Saved data entries
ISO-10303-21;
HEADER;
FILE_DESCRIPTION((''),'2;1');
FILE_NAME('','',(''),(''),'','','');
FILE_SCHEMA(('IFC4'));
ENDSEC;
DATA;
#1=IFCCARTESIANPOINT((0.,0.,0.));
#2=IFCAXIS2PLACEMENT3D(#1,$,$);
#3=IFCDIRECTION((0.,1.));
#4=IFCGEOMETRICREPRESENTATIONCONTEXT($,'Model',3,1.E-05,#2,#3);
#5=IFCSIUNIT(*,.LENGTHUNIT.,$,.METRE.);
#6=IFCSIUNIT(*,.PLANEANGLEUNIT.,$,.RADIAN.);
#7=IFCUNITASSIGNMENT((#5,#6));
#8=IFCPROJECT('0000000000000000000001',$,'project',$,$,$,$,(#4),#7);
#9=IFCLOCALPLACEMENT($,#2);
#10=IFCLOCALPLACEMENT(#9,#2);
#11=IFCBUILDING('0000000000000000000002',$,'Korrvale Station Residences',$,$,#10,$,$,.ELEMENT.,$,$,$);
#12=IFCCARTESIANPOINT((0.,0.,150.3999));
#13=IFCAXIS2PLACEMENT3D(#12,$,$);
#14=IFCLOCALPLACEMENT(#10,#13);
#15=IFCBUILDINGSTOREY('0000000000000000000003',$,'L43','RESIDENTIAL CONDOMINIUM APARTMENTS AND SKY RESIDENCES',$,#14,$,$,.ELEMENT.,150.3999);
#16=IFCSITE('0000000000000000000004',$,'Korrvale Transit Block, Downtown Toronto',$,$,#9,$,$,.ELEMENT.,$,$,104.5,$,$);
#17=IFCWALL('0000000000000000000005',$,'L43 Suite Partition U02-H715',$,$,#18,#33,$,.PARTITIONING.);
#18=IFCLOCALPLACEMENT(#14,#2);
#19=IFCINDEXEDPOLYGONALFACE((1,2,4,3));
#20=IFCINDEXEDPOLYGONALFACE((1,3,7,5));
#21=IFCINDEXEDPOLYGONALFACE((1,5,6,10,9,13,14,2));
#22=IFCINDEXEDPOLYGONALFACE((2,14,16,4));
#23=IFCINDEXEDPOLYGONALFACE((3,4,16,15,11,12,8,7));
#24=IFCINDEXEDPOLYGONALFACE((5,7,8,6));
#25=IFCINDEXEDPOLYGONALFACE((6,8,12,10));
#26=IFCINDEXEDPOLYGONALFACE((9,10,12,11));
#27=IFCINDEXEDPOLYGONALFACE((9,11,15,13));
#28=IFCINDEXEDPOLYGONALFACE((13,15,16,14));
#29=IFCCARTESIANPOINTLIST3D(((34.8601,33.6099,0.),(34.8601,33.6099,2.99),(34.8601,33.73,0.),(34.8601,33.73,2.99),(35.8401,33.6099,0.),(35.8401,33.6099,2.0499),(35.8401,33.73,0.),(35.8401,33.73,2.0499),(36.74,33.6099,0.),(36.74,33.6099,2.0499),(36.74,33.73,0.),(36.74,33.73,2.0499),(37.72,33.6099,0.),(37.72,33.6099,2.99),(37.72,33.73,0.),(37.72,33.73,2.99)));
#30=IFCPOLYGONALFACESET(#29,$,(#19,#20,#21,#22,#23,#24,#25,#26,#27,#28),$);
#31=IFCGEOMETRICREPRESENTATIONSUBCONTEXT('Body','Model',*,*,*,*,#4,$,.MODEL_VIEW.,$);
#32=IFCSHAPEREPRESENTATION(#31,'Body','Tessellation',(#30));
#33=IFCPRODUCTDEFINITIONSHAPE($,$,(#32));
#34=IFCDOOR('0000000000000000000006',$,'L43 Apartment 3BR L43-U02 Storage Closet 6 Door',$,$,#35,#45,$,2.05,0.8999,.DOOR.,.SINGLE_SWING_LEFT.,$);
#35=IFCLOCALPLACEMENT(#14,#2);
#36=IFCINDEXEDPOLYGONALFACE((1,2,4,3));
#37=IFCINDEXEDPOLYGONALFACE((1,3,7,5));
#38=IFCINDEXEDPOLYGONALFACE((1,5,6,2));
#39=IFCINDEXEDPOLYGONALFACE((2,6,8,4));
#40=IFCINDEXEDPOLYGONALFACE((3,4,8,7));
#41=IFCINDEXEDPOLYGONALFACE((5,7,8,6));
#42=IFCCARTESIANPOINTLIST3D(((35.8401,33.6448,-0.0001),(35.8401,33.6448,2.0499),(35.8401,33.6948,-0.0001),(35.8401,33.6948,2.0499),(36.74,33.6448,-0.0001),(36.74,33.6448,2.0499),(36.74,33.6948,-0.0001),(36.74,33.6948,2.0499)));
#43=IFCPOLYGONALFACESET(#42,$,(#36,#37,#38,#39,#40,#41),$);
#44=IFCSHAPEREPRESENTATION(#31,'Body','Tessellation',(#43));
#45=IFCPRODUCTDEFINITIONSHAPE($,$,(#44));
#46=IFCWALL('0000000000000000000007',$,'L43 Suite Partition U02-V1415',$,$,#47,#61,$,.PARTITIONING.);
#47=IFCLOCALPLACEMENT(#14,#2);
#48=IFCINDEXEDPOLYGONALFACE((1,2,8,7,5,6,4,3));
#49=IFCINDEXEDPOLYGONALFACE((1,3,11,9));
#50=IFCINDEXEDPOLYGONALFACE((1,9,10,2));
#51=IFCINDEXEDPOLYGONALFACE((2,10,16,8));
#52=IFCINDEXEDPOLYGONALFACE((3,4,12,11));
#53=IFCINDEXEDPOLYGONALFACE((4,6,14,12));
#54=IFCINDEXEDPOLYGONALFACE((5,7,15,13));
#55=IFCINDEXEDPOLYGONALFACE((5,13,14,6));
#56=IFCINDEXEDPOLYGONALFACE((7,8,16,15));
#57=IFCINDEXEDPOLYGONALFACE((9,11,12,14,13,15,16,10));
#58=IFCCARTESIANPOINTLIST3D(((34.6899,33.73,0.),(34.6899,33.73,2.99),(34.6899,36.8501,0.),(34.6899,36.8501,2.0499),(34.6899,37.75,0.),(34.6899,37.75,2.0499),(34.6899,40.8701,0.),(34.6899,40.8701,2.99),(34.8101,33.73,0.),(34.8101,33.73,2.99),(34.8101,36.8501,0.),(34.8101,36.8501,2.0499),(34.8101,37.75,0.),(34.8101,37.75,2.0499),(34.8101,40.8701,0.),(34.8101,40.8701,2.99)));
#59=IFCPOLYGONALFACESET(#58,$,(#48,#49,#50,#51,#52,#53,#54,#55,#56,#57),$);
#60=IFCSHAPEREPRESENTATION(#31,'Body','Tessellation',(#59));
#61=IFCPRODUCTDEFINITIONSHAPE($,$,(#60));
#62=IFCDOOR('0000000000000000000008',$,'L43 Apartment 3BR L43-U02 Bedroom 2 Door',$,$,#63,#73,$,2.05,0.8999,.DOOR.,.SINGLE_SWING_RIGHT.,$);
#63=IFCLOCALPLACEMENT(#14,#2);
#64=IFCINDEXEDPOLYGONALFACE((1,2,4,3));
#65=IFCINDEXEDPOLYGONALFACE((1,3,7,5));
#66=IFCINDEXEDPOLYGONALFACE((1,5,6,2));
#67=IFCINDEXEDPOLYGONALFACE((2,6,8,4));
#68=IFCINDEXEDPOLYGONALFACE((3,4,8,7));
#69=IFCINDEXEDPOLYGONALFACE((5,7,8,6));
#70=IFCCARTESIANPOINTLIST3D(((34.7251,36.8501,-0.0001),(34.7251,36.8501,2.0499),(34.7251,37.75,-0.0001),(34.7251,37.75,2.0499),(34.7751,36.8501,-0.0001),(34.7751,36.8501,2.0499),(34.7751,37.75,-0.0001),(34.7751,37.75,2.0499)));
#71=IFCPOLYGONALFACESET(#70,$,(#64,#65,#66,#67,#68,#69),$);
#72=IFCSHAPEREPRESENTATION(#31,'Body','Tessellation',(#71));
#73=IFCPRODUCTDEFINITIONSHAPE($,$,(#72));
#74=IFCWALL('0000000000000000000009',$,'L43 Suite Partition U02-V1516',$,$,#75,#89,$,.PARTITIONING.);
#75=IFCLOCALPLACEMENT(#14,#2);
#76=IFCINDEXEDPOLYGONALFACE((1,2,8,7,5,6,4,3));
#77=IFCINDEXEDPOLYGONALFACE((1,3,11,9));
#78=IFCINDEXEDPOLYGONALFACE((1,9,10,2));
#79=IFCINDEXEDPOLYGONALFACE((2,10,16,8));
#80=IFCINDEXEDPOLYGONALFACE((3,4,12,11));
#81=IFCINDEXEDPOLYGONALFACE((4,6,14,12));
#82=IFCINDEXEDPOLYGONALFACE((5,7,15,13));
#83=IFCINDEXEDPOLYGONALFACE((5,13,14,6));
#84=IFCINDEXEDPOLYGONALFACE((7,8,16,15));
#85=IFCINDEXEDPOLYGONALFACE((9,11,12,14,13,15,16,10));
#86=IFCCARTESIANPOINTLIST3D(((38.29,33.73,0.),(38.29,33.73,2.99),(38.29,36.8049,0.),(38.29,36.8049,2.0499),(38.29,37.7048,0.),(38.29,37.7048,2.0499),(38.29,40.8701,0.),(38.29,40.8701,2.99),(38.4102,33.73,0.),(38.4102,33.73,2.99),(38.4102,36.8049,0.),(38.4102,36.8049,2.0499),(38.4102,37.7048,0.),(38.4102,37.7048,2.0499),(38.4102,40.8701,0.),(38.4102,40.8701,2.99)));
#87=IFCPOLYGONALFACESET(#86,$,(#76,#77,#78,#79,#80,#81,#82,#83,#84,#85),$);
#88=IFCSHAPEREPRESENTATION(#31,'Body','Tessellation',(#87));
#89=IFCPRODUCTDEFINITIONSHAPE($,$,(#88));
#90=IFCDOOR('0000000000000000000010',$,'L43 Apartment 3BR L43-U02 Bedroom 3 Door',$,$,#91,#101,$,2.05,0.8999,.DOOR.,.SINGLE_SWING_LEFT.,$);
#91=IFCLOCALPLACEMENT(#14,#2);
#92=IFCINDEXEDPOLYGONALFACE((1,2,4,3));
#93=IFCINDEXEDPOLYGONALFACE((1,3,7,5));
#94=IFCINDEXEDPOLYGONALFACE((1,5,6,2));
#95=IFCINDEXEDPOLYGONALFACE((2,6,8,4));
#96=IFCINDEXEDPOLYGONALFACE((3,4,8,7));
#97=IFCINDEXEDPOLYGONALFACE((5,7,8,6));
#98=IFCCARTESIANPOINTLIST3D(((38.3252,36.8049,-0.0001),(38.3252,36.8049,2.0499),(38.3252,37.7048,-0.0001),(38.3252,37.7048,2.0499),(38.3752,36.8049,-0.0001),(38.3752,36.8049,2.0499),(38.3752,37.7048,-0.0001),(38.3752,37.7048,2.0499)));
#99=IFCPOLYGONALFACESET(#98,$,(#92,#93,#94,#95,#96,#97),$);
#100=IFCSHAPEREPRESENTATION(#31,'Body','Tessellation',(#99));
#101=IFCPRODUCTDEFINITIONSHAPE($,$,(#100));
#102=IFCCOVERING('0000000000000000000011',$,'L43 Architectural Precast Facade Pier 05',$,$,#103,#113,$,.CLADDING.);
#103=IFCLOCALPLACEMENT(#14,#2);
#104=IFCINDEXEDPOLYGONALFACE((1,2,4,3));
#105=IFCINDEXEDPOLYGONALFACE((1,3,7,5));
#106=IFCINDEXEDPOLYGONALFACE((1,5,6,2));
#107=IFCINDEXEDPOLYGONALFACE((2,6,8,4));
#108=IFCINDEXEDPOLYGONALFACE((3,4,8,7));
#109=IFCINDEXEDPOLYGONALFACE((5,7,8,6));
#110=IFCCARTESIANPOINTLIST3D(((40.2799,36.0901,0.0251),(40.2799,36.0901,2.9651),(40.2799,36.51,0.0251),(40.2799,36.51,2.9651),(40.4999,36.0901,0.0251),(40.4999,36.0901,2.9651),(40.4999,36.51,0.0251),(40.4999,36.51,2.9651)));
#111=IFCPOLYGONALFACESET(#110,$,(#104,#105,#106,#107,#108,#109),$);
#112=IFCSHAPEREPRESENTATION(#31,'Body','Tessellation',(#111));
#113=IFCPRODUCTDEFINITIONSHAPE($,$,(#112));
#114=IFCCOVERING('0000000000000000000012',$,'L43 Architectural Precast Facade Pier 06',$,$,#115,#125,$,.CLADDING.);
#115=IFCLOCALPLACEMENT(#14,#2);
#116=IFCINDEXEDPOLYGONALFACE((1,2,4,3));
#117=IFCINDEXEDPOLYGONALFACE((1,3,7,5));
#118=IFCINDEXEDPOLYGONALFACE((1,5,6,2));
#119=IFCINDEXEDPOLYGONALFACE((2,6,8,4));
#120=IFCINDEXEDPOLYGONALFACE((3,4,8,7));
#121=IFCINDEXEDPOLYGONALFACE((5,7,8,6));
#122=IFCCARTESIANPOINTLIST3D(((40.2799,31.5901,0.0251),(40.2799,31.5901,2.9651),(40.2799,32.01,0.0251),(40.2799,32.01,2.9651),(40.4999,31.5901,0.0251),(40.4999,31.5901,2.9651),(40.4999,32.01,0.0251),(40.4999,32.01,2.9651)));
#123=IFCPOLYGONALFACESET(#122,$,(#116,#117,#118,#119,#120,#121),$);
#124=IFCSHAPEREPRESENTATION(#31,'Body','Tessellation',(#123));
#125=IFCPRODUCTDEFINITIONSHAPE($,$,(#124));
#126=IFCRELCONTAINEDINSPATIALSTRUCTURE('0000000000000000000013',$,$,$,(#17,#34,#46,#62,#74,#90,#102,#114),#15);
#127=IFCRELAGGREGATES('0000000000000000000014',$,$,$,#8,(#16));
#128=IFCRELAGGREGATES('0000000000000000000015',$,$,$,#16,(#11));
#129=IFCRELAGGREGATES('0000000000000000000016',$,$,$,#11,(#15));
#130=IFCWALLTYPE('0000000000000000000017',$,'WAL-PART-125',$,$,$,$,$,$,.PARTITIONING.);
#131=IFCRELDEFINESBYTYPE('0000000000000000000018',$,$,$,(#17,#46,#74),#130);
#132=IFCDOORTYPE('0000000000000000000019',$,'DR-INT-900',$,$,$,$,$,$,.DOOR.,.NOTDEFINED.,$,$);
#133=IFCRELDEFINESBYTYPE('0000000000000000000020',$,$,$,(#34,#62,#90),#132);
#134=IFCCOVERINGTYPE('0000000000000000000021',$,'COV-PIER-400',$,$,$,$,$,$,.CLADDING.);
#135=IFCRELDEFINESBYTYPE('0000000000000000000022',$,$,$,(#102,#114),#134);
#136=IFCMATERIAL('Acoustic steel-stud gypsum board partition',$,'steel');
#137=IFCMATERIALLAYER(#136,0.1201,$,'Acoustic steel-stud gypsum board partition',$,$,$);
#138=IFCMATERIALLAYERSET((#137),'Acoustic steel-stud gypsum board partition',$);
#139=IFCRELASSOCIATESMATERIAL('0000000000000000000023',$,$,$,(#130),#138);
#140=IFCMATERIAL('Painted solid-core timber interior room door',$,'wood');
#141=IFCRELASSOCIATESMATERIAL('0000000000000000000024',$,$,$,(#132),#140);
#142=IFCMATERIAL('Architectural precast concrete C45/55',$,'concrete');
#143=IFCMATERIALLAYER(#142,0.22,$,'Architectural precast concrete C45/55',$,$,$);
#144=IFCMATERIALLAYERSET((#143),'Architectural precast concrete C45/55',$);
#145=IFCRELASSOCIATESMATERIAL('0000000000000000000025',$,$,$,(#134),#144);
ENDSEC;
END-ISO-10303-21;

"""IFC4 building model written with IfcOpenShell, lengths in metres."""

from ifc_helpers import new_model, si_unit, direction, frame, frame_2d, origin, origin_2d, place, context, subcontext, project, spatial, rectangle, extrude, material, layer, layer_set, type_object, element, fill, save


model = new_model("IFC4")

# Units and contexts
model_context = context("Model", 3, precision=1e-05, world=origin(), true_north=direction((0.0, 1.0)))
body_context = subcontext(model_context, "Body", "Model", "MODEL_VIEW")
ifc_project = project(units=[si_unit("LENGTHUNIT", "METRE"), si_unit("PLANEANGLEUNIT", "RADIAN")], contexts=[model_context])

# Site, building, storey
site_placement = place(None, origin())
site = spatial("IfcSite", under=ifc_project, at=site_placement, Name="Korrvale Transit Block, Downtown Toronto", CompositionType="ELEMENT", RefElevation=104.5)
building_placement = place(site_placement, origin())
building = spatial("IfcBuilding", under=site, at=building_placement, Name="Korrvale Station Residences", CompositionType="ELEMENT")
storey_placement = place(building_placement, frame((0.0, 0.0, 150.3999)))
storey = spatial("IfcBuildingStorey", under=building, at=storey_placement, Name="L43", Description="RESIDENTIAL CONDOMINIUM APARTMENTS AND SKY RESIDENCES", CompositionType="ELEMENT", Elevation=150.3999)

# Walls, openings, doors
ifc_material_1 = material(Name="Acoustic steel-stud gypsum board partition", Category="steel")
ifc_layer_1 = layer(ifc_material_1, 0.1201, Name="Acoustic steel-stud gypsum board partition")
ifc_layer_set_1 = layer_set([ifc_layer_1], Name="Acoustic steel-stud gypsum board partition")
wall_type_1 = type_object("IfcWallType", Name="WAL-PART-125", PredefinedType="PARTITIONING", material=ifc_layer_set_1)
ifc_material_2 = material(Name="Painted solid-core timber interior room door", Category="wood")
door_type = type_object("IfcDoorType", Name="DR-INT-900", OperationType="NOTDEFINED", PredefinedType="DOOR", material=ifc_material_2)
wall_1_placement = place(storey_placement, frame((34.8601, 33.6699, 0.0), z_axis=(0.0, 0.0, 1.0), x_axis=(1.0, 0.0, 0.0)))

Problem details :: The answer is every line in the data where the word "IFCLOCALPLACEMENT" appears.

The completed task ::
#9=IFCLOCALPLACEMENT($,#2);
#10=IFCLOCALPLACEMENT(#9,#2);
#14=IFCLOCALPLACEMENT(#10,#13);
#18=IFCLOCALPLACEMENT(#14,#2);
#35=IFCLOCALPLACEMENT(#14,#2);
#47=IFCLOCALPLACEMENT(#14,#2);
#63=IFCLOCALPLACEMENT(#14,#2);
#75=IFCLOCALPLACEMENT(#14,#2);
#91=IFCLOCALPLACEMENT(#14,#2);
#103=IFCLOCALPLACEMENT(#14,#2);
#115=IFCLOCALPLACEMENT(#14,#2);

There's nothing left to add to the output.